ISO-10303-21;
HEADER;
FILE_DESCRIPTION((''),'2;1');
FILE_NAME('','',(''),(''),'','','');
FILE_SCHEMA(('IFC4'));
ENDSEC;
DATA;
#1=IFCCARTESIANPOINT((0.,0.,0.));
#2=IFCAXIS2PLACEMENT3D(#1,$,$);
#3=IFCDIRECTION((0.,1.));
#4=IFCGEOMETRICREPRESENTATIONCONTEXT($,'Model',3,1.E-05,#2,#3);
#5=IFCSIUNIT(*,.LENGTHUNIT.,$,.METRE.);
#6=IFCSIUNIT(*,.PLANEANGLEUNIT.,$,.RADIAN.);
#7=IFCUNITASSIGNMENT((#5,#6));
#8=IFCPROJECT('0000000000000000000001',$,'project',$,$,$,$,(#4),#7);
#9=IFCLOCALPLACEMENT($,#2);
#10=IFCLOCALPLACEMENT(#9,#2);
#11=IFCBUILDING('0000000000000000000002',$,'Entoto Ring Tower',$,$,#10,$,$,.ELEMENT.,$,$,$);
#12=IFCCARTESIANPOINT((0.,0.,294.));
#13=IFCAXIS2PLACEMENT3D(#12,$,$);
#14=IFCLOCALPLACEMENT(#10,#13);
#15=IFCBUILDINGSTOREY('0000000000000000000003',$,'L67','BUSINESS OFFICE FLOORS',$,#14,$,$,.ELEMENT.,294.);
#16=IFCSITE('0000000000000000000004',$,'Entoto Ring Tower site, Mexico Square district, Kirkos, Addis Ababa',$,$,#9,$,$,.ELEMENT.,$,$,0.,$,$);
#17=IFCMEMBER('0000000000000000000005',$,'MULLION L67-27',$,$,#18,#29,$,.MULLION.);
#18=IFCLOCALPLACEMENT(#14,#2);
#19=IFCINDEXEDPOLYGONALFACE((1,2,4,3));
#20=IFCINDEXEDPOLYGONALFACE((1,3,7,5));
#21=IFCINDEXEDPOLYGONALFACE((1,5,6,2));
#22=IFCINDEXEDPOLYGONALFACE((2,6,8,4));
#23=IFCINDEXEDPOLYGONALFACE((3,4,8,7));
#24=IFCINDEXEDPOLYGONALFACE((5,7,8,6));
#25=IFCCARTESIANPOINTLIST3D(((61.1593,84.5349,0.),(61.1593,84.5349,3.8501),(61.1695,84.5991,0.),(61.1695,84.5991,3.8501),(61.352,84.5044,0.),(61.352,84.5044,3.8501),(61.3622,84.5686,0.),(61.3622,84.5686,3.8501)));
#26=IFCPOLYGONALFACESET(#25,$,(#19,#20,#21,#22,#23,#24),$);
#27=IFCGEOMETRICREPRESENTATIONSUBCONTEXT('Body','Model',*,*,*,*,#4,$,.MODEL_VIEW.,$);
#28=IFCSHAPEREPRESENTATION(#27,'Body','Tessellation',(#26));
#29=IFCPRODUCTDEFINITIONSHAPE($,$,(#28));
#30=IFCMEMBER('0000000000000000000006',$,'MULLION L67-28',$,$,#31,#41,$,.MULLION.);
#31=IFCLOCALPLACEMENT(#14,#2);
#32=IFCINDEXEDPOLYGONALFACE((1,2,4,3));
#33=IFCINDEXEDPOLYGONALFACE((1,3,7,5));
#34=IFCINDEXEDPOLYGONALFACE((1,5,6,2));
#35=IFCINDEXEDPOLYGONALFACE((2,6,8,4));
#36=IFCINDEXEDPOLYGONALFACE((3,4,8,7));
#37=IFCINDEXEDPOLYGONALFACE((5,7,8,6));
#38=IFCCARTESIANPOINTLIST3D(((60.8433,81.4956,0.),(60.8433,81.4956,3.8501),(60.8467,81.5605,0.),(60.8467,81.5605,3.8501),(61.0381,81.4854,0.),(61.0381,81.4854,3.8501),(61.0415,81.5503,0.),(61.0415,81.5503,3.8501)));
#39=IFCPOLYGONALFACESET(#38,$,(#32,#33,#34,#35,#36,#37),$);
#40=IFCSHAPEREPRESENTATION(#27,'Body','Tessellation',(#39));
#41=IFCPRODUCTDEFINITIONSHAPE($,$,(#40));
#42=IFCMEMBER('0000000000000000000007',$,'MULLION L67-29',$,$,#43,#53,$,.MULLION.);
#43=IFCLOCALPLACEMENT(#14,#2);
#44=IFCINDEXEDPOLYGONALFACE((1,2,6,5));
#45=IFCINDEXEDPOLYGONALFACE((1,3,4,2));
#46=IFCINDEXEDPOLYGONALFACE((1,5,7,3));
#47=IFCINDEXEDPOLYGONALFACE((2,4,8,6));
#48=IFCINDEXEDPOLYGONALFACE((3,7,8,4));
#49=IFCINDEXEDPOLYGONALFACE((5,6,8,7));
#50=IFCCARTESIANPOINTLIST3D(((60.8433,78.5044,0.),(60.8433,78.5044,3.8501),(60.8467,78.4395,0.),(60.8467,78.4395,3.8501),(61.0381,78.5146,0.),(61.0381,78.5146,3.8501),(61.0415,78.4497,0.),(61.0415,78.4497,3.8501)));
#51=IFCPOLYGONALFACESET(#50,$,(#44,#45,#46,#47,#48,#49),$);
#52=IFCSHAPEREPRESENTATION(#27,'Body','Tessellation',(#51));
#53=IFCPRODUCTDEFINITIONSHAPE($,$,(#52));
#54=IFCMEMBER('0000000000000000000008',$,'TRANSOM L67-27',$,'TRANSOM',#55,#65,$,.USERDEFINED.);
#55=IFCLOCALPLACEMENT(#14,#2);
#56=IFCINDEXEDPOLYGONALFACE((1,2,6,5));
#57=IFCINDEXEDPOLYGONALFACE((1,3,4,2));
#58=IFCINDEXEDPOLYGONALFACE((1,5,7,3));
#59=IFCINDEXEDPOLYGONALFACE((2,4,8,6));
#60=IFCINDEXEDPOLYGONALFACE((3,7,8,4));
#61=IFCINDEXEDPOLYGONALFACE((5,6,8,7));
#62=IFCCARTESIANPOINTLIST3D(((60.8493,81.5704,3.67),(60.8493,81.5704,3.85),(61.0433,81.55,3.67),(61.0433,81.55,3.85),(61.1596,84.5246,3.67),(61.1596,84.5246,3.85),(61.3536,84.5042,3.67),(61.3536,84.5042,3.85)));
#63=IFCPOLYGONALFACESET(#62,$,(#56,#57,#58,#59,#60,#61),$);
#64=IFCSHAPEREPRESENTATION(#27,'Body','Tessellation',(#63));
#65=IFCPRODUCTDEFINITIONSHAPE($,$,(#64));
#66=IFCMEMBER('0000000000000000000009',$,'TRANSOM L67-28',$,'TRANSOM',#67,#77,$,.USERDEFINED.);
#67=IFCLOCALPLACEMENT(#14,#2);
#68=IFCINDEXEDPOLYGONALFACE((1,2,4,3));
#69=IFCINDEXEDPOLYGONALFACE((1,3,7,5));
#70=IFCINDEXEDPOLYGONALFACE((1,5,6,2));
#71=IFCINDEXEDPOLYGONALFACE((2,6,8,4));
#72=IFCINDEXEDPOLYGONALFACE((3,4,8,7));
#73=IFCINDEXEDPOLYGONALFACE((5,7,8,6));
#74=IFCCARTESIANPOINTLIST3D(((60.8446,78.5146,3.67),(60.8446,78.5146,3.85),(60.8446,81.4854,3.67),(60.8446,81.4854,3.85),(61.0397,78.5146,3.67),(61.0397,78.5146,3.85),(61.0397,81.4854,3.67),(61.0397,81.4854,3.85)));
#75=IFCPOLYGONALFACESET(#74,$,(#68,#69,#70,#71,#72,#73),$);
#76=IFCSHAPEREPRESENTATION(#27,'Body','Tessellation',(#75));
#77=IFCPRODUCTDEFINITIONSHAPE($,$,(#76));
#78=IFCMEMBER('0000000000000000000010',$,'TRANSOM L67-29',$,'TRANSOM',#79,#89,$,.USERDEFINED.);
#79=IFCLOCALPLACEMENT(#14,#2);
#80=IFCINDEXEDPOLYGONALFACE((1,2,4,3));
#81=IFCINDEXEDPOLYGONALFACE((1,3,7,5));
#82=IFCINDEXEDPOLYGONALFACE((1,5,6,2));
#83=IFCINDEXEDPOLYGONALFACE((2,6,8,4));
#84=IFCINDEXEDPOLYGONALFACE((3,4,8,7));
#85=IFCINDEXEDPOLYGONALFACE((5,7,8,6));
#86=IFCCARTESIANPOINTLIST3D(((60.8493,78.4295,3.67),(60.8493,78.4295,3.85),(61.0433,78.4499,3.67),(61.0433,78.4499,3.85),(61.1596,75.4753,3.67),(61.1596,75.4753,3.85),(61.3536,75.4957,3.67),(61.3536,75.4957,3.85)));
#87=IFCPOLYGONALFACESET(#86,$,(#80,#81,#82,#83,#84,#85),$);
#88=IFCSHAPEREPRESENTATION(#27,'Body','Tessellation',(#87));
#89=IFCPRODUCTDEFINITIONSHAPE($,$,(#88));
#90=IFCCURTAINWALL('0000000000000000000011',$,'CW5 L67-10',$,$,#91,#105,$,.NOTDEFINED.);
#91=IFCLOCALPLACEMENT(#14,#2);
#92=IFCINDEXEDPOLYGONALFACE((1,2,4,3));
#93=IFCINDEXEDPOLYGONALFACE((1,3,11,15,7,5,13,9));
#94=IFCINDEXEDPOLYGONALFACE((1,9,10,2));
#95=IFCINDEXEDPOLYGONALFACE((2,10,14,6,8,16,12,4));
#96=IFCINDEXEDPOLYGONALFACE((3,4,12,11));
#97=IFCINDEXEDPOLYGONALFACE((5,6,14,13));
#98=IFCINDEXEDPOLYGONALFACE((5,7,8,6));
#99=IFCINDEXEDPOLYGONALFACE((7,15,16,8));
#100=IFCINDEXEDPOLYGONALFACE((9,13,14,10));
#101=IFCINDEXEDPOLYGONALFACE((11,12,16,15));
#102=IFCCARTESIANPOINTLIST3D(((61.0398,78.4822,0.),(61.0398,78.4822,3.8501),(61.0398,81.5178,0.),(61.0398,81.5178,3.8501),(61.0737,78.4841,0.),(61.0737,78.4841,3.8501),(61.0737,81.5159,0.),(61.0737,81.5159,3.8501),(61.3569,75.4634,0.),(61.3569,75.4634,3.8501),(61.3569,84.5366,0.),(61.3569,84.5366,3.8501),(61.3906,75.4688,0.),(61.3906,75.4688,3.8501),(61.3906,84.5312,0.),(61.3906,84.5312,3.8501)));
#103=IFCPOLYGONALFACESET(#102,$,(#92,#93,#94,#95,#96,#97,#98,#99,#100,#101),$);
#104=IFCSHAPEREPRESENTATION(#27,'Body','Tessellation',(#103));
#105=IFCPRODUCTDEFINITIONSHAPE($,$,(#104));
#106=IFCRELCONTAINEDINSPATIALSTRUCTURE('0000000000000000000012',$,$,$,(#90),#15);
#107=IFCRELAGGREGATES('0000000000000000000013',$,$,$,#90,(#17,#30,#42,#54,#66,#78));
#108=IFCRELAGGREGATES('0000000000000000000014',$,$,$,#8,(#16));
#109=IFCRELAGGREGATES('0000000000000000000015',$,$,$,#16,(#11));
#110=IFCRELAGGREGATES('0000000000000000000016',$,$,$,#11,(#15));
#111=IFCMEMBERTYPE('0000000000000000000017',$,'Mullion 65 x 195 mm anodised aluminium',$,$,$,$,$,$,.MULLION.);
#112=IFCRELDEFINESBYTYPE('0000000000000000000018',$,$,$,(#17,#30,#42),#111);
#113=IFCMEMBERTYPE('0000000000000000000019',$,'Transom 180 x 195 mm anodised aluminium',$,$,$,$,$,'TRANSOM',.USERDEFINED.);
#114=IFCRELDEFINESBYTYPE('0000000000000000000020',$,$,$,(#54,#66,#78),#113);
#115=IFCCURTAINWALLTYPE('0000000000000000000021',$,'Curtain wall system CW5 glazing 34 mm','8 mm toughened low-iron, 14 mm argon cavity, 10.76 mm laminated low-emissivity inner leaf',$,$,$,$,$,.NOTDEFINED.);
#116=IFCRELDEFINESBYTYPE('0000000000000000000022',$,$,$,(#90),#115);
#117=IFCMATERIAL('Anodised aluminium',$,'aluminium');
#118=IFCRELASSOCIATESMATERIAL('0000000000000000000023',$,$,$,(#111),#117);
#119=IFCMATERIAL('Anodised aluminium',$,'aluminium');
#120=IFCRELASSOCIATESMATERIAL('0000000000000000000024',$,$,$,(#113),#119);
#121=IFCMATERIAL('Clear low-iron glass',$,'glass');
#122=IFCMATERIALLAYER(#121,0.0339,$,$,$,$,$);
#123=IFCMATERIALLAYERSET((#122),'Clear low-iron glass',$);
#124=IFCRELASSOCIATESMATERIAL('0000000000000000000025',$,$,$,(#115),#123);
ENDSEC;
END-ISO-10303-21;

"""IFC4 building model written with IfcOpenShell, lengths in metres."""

from ifc_helpers import new_model, si_unit, direction, frame, origin, origin_2d, place, context, subcontext, project, spatial, polyline, rectangle, outline, extrude, material, layer, layer_set, material_profile, profile_set, type_object, element, aggregate, save


model = new_model("IFC4")

# Units and contexts
model_context = context("Model", 3, precision=1e-05, world=origin(), true_north=direction((0.0, 1.0)))
body_context = subcontext(model_context, "Body", "Model", "MODEL_VIEW")
ifc_project = project(units=[si_unit("LENGTHUNIT", "METRE"), si_unit("PLANEANGLEUNIT", "RADIAN")], contexts=[model_context])

# Members
ifc_material_1 = material(Name="Anodised aluminium", Category="aluminium")
ifc_material_profile_1 = material_profile(ifc_material_1, rectangle(XDim=0.0649, YDim=0.1951, at=origin_2d()), Name="Mullion 65 x 195 mm anodised aluminium")
ifc_profile_set_1 = profile_set([ifc_material_profile_1], Name="Anodised aluminium")
member_type_1 = type_object("IfcMemberType", Name="Mullion 65 x 195 mm anodised aluminium", PredefinedType="MULLION", material=ifc_profile_set_1)
site_placement = place(None, origin())
building_placement = place(site_placement, origin())
storey_placement = place(building_placement, frame((0.0, 0.0, 294.0)))
member_1_placement = place(storey_placement, frame((61.2607, 84.5518, 0.0), z_axis=(0.0, 0.0, 1.0), x_axis=(-0.156434, -0.987688, 0.0)))
member_1 = element("IfcMember", 1, at=member_1_placement, type_object=member_type_1, Name="MULLION L67-27", PredefinedType="MULLION", context=body_context, shape_type="SweptSolid", body=[
    extrude(rectangle(XDim=0.0649, YDim=0.1951, at=origin_2d()), origin(), (0.0, 0.0, 1.0), 3.8501),
])
member_2_placement = place(storey_placement, frame((60.9424, 81.5229, 0.0), z_axis=(0.0, 0.0, 1.0), x_axis=(-0.052336, -0.99863, 0.0)))
member_2 = element("IfcMember", 2, at=member_2_placement, type_object=member_type_1, Name="MULLION L67-28", PredefinedType="MULLION", context=body_context, shape_type="SweptSolid", body=[
    extrude(rectangle(XDim=0.0649, YDim=0.1951, at=origin_2d()), origin(), (0.0, 0.0, 1.0), 3.8501),
])
member_3_placement = place(storey_placement, frame((60.9424, 78.4771, 0.0), z_axis=(0.0, 0.0, 1.0), x_axis=(0.052336, -0.99863, 0.0)))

————————

Exercise directions: From the first line of the records to the line containing "#4=IFCGEOMETRICREPRESENTATIONCONTEXT($,'Model',3,1.E-05,#2,#3);", inclusive, transcribe everything exactly and leave out the rest.

Solution:
ISO-10303-21;
HEADER;
FILE_DESCRIPTION((''),'2;1');
FILE_NAME('','',(''),(''),'','','');
FILE_SCHEMA(('IFC4'));
ENDSEC;
DATA;
#1=IFCCARTESIANPOINT((0.,0.,0.));
#2=IFCAXIS2PLACEMENT3D(#1,$,$);
#3=IFCDIRECTION((0.,1.));
#4=IFCGEOMETRICREPRESENTATIONCONTEXT($,'Model',3,1.E-05,#2,#3);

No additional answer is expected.